The answer must consist of every line below that contains the word "IFCRELASSOCIATESMATERIAL".

[DATA SHOWN Boundary: Start]

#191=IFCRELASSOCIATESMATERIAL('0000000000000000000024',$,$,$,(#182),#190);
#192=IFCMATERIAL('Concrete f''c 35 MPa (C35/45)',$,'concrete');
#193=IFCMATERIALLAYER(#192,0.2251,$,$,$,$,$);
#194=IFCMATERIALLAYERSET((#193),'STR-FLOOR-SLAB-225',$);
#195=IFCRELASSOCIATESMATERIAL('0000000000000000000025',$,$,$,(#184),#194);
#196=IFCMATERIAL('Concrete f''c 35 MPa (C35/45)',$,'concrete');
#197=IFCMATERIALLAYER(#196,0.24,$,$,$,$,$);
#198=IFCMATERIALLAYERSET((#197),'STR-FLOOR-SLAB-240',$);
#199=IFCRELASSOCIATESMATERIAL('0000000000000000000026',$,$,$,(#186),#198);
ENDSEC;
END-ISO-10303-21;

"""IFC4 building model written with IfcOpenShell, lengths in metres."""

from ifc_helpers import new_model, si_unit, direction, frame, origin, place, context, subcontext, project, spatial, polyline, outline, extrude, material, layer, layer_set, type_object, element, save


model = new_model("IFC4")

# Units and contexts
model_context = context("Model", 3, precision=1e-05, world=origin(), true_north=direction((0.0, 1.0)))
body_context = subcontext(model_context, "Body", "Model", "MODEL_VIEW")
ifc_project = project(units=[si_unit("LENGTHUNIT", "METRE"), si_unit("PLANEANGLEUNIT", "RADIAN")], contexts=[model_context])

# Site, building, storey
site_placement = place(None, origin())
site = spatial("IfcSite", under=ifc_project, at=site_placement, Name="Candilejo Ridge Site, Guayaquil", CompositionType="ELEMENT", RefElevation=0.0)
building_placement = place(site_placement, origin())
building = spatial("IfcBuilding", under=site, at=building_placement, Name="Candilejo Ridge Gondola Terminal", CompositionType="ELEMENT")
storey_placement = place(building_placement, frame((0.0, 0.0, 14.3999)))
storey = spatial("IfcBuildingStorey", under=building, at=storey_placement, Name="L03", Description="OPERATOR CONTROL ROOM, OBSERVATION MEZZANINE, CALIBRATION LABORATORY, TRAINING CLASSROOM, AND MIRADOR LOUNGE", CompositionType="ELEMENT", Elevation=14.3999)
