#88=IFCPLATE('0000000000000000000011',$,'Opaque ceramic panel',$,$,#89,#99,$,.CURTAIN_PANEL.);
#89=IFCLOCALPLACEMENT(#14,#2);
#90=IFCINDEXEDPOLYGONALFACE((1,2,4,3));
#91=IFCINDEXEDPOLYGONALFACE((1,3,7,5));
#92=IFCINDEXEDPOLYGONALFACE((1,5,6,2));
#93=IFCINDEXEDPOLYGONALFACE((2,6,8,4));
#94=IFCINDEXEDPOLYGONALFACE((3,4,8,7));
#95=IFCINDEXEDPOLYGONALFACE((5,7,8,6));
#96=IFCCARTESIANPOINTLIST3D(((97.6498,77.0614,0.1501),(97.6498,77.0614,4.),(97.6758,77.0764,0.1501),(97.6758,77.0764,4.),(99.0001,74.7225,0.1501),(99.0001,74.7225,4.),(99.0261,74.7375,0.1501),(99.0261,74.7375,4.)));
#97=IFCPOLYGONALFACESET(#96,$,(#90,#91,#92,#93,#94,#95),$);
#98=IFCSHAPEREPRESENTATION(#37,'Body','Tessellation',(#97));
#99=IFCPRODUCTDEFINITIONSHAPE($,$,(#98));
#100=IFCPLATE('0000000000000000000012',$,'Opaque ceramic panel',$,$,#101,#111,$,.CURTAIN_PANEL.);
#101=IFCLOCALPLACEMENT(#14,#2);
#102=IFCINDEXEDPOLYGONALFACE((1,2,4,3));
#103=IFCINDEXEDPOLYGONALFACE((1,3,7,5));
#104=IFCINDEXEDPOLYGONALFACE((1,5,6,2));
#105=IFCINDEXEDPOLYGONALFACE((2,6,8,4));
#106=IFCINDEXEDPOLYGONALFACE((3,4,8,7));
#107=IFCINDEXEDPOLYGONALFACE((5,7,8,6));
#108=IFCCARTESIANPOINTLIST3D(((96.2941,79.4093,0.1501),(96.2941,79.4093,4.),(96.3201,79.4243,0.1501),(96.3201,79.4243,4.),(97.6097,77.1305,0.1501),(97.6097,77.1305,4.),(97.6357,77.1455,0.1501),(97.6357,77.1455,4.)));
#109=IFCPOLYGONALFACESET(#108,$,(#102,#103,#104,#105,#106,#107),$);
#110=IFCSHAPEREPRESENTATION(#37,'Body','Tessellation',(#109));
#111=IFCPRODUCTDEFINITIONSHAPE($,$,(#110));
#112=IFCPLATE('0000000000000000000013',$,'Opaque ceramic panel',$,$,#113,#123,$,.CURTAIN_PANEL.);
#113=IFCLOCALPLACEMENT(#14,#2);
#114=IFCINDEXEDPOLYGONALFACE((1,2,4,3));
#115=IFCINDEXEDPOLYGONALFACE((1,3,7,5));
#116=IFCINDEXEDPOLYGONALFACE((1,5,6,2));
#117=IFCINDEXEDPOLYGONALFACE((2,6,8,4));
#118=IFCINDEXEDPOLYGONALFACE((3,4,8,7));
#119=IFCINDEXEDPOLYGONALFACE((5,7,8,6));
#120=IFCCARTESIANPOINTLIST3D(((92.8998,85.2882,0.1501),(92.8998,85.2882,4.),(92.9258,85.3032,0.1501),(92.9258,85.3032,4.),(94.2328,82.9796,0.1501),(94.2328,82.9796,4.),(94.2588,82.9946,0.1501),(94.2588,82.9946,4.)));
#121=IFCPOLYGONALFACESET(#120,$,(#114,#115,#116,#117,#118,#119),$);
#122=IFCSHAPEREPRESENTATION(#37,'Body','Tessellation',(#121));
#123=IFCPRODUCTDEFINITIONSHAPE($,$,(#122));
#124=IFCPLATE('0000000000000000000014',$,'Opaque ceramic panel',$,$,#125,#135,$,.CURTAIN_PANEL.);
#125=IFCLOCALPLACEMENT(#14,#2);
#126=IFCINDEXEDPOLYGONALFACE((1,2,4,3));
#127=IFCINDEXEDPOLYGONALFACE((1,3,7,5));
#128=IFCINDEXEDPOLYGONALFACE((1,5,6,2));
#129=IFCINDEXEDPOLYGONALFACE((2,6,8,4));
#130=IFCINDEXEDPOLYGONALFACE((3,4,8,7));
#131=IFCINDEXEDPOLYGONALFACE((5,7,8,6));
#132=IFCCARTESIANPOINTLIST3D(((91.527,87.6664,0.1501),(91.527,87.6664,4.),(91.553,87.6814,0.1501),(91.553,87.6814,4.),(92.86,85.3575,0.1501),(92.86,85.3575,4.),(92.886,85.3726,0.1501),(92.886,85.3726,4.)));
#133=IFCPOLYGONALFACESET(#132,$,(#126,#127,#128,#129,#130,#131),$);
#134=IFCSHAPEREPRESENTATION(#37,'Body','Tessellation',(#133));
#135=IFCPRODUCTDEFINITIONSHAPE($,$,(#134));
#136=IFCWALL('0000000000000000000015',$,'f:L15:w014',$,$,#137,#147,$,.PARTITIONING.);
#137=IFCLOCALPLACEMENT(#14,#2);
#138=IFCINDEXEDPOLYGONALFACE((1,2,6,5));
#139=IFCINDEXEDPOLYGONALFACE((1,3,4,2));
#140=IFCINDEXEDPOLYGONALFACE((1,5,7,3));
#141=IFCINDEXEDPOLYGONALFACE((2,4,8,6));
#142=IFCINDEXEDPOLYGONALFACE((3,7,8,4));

[DATA SHOWN Boundary: End]

EXERCISE OUTPUT
#191=IFCRELASSOCIATESMATERIAL('0000000000000000000024',$,$,$,(#182),#190);
#195=IFCRELASSOCIATESMATERIAL('0000000000000000000025',$,$,$,(#184),#194);
#199=IFCRELASSOCIATESMATERIAL('0000000000000000000026',$,$,$,(#186),#198);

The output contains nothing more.